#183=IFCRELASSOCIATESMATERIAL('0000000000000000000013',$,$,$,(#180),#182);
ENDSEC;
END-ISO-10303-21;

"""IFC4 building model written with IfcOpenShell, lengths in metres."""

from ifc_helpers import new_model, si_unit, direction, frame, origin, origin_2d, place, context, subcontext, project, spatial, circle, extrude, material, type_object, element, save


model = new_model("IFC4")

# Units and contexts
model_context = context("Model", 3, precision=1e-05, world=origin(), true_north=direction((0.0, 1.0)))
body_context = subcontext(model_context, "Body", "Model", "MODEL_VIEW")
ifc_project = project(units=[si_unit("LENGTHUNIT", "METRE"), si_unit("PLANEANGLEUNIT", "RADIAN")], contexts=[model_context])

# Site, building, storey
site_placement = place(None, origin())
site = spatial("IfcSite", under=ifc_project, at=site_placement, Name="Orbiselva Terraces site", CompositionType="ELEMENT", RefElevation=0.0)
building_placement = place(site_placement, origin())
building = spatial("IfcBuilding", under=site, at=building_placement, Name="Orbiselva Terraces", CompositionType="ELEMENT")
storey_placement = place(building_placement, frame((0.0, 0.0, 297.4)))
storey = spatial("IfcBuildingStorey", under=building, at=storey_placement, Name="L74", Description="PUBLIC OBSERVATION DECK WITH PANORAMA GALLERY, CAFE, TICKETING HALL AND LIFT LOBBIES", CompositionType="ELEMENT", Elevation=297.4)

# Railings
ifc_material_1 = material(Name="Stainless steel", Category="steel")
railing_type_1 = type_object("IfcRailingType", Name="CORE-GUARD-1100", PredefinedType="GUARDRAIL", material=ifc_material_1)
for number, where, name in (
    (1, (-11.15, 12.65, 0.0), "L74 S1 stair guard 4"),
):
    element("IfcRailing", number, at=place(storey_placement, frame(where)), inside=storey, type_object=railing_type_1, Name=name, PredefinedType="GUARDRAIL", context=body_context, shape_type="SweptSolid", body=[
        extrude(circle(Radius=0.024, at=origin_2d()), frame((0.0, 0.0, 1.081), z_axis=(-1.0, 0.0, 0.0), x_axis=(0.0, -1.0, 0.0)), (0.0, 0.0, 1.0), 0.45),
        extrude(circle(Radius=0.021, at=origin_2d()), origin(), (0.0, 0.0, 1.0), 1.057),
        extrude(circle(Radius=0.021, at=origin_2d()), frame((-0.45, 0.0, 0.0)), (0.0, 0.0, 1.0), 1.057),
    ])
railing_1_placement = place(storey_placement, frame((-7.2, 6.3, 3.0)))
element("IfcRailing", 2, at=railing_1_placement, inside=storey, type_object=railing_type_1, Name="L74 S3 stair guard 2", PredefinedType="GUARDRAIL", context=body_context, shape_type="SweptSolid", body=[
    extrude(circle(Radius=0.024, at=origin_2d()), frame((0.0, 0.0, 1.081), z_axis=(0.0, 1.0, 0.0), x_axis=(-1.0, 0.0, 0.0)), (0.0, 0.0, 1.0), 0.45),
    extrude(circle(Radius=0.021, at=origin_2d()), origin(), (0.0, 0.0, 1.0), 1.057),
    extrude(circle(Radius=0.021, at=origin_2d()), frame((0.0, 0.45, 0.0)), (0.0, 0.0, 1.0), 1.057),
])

##########

- Exercise directions
Please print all the data again exactly as given.

- Finished exercise
#183=IFCRELASSOCIATESMATERIAL('0000000000000000000013',$,$,$,(#180),#182);
ENDSEC;
END-ISO-10303-21;

"""IFC4 building model written with IfcOpenShell, lengths in metres."""

from ifc_helpers import new_model, si_unit, direction, frame, origin, origin_2d, place, context, subcontext, project, spatial, circle, extrude, material, type_object, element, save


model = new_model("IFC4")

# Units and contexts
model_context = context("Model", 3, precision=1e-05, world=origin(), true_north=direction((0.0, 1.0)))
body_context = subcontext(model_context, "Body", "Model", "MODEL_VIEW")
ifc_project = project(units=[si_unit("LENGTHUNIT", "METRE"), si_unit("PLANEANGLEUNIT", "RADIAN")], contexts=[model_context])

# Site, building, storey
site_placement = place(None, origin())
site = spatial("IfcSite", under=ifc_project, at=site_placement, Name="Orbiselva Terraces site", CompositionType="ELEMENT", RefElevation=0.0)
building_placement = place(site_placement, origin())
building = spatial("IfcBuilding", under=site, at=building_placement, Name="Orbiselva Terraces", CompositionType="ELEMENT")
storey_placement = place(building_placement, frame((0.0, 0.0, 297.4)))
storey = spatial("IfcBuildingStorey", under=building, at=storey_placement, Name="L74", Description="PUBLIC OBSERVATION DECK WITH PANORAMA GALLERY, CAFE, TICKETING HALL AND LIFT LOBBIES", CompositionType="ELEMENT", Elevation=297.4)

# Railings
ifc_material_1 = material(Name="Stainless steel", Category="steel")
railing_type_1 = type_object("IfcRailingType", Name="CORE-GUARD-1100", PredefinedType="GUARDRAIL", material=ifc_material_1)
for number, where, name in (
    (1, (-11.15, 12.65, 0.0), "L74 S1 stair guard 4"),
):
    element("IfcRailing", number, at=place(storey_placement, frame(where)), inside=storey, type_object=railing_type_1, Name=name, PredefinedType="GUARDRAIL", context=body_context, shape_type="SweptSolid", body=[
        extrude(circle(Radius=0.024, at=origin_2d()), frame((0.0, 0.0, 1.081), z_axis=(-1.0, 0.0, 0.0), x_axis=(0.0, -1.0, 0.0)), (0.0, 0.0, 1.0), 0.45),
        extrude(circle(Radius=0.021, at=origin_2d()), origin(), (0.0, 0.0, 1.0), 1.057),
        extrude(circle(Radius=0.021, at=origin_2d()), frame((-0.45, 0.0, 0.0)), (0.0, 0.0, 1.0), 1.057),
    ])
railing_1_placement = place(storey_placement, frame((-7.2, 6.3, 3.0)))
element("IfcRailing", 2, at=railing_1_placement, inside=storey, type_object=railing_type_1, Name="L74 S3 stair guard 2", PredefinedType="GUARDRAIL", context=body_context, shape_type="SweptSolid", body=[
    extrude(circle(Radius=0.024, at=origin_2d()), frame((0.0, 0.0, 1.081), z_axis=(0.0, 1.0, 0.0), x_axis=(-1.0, 0.0, 0.0)), (0.0, 0.0, 1.0), 0.45),
    extrude(circle(Radius=0.021, at=origin_2d()), origin(), (0.0, 0.0, 1.0), 1.057),
    extrude(circle(Radius=0.021, at=origin_2d()), frame((0.0, 0.45, 0.0)), (0.0, 0.0, 1.0), 1.057),
])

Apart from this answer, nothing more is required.